▶ _Problem requirements_
Going from the top of the data below, give again each line through the one containing "#45=IFCINDEXEDPOLYGONALFACE((47,48,52,51));", both ends kept.

[Opening Data for the task section]

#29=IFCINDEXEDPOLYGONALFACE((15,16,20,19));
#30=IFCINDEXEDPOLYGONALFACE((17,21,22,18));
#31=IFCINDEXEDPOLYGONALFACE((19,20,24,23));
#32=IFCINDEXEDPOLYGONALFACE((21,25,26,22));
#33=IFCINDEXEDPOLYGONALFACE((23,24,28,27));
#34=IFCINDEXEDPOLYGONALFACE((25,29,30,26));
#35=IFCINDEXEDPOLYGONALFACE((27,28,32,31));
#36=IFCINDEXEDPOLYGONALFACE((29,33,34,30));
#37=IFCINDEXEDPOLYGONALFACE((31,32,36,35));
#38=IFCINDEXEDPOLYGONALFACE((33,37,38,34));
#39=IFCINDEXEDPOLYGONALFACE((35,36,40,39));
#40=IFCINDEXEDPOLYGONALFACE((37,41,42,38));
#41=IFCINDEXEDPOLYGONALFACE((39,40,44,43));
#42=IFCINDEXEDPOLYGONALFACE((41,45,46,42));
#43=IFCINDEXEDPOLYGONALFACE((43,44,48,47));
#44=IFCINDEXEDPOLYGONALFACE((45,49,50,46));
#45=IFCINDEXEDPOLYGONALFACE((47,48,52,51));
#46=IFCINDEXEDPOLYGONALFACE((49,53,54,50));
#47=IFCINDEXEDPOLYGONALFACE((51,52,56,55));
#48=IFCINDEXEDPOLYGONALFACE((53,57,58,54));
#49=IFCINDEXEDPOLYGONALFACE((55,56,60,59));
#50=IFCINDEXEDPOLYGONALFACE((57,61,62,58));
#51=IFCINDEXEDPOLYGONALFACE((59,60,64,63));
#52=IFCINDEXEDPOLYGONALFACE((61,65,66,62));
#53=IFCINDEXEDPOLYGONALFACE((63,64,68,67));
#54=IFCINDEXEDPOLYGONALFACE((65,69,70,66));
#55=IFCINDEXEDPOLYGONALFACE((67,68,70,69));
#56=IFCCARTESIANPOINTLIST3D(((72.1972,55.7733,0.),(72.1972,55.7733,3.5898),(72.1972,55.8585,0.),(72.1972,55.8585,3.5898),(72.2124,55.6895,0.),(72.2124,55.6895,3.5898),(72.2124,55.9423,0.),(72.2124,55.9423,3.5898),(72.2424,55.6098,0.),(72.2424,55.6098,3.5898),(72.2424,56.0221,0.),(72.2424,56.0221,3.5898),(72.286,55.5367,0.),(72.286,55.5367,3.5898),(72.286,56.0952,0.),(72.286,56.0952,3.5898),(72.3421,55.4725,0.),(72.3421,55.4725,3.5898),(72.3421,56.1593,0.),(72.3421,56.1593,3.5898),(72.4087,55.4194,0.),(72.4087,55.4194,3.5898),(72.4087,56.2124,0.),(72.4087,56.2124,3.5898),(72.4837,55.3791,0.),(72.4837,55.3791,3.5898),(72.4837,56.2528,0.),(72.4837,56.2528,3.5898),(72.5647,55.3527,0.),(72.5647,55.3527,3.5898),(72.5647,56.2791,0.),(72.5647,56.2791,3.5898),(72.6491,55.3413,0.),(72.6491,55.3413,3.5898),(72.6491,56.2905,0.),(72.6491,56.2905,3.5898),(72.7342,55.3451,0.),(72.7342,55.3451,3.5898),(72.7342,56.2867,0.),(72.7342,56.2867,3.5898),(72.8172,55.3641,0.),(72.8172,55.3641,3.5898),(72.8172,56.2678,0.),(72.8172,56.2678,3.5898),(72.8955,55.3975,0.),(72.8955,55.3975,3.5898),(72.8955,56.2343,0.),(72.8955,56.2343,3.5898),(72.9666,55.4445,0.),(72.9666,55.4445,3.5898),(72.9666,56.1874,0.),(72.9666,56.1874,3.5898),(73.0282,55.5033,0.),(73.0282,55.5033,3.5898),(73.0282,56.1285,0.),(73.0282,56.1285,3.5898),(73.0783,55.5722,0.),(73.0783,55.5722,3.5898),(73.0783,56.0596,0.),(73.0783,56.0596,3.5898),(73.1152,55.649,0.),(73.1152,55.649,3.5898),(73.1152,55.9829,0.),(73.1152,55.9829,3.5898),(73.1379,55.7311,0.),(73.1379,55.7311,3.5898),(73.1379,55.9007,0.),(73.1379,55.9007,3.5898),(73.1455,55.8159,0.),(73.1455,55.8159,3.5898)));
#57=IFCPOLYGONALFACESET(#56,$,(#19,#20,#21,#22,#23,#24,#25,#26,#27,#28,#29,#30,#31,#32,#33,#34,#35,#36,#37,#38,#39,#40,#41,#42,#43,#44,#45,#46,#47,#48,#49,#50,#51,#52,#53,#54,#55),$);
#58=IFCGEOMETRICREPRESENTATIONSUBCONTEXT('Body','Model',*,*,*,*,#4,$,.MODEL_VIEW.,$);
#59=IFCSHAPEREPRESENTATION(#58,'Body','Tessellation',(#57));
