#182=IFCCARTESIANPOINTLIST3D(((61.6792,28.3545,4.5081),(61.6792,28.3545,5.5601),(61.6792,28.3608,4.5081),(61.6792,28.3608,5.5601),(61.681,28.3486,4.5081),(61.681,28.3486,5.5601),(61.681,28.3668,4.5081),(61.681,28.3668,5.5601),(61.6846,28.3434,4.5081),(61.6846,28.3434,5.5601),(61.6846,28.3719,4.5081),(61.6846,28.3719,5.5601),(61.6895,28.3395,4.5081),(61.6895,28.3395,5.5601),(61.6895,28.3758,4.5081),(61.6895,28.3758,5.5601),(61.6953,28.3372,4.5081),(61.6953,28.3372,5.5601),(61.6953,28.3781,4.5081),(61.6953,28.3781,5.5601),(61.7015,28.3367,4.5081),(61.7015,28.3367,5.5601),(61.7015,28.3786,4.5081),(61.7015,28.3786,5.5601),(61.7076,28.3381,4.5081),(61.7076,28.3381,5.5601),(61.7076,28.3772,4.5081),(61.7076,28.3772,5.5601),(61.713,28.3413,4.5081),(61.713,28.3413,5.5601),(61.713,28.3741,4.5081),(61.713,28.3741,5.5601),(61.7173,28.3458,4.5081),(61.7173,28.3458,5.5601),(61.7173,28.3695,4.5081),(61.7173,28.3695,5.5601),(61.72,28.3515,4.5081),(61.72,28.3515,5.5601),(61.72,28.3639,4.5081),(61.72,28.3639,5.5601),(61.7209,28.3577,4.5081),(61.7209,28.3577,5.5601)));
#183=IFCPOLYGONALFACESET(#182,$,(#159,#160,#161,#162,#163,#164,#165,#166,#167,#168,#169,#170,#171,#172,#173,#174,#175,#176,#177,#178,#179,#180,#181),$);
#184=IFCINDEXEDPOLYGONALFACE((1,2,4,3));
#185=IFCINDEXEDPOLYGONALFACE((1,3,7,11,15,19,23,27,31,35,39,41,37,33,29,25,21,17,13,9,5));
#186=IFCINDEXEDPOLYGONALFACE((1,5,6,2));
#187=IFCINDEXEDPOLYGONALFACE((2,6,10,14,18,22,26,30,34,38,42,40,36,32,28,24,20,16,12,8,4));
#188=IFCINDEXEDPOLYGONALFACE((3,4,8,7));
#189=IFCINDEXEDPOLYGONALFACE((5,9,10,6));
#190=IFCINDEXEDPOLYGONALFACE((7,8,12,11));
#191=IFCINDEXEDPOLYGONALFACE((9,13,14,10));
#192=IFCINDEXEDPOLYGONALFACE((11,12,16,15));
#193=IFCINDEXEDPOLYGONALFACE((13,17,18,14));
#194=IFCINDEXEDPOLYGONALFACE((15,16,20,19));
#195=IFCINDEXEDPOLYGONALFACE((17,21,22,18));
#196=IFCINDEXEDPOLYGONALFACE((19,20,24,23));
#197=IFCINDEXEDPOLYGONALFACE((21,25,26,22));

[Closing Data for the task section]

▶ _Result for this exercise_
#29=IFCINDEXEDPOLYGONALFACE((15,16,20,19));
#30=IFCINDEXEDPOLYGONALFACE((17,21,22,18));
#31=IFCINDEXEDPOLYGONALFACE((19,20,24,23));
#32=IFCINDEXEDPOLYGONALFACE((21,25,26,22));
#33=IFCINDEXEDPOLYGONALFACE((23,24,28,27));
#34=IFCINDEXEDPOLYGONALFACE((25,29,30,26));
#35=IFCINDEXEDPOLYGONALFACE((27,28,32,31));
#36=IFCINDEXEDPOLYGONALFACE((29,33,34,30));
#37=IFCINDEXEDPOLYGONALFACE((31,32,36,35));
#38=IFCINDEXEDPOLYGONALFACE((33,37,38,34));
#39=IFCINDEXEDPOLYGONALFACE((35,36,40,39));
#40=IFCINDEXEDPOLYGONALFACE((37,41,42,38));
#41=IFCINDEXEDPOLYGONALFACE((39,40,44,43));
#42=IFCINDEXEDPOLYGONALFACE((41,45,46,42));
#43=IFCINDEXEDPOLYGONALFACE((43,44,48,47));
#44=IFCINDEXEDPOLYGONALFACE((45,49,50,46));
#45=IFCINDEXEDPOLYGONALFACE((47,48,52,51));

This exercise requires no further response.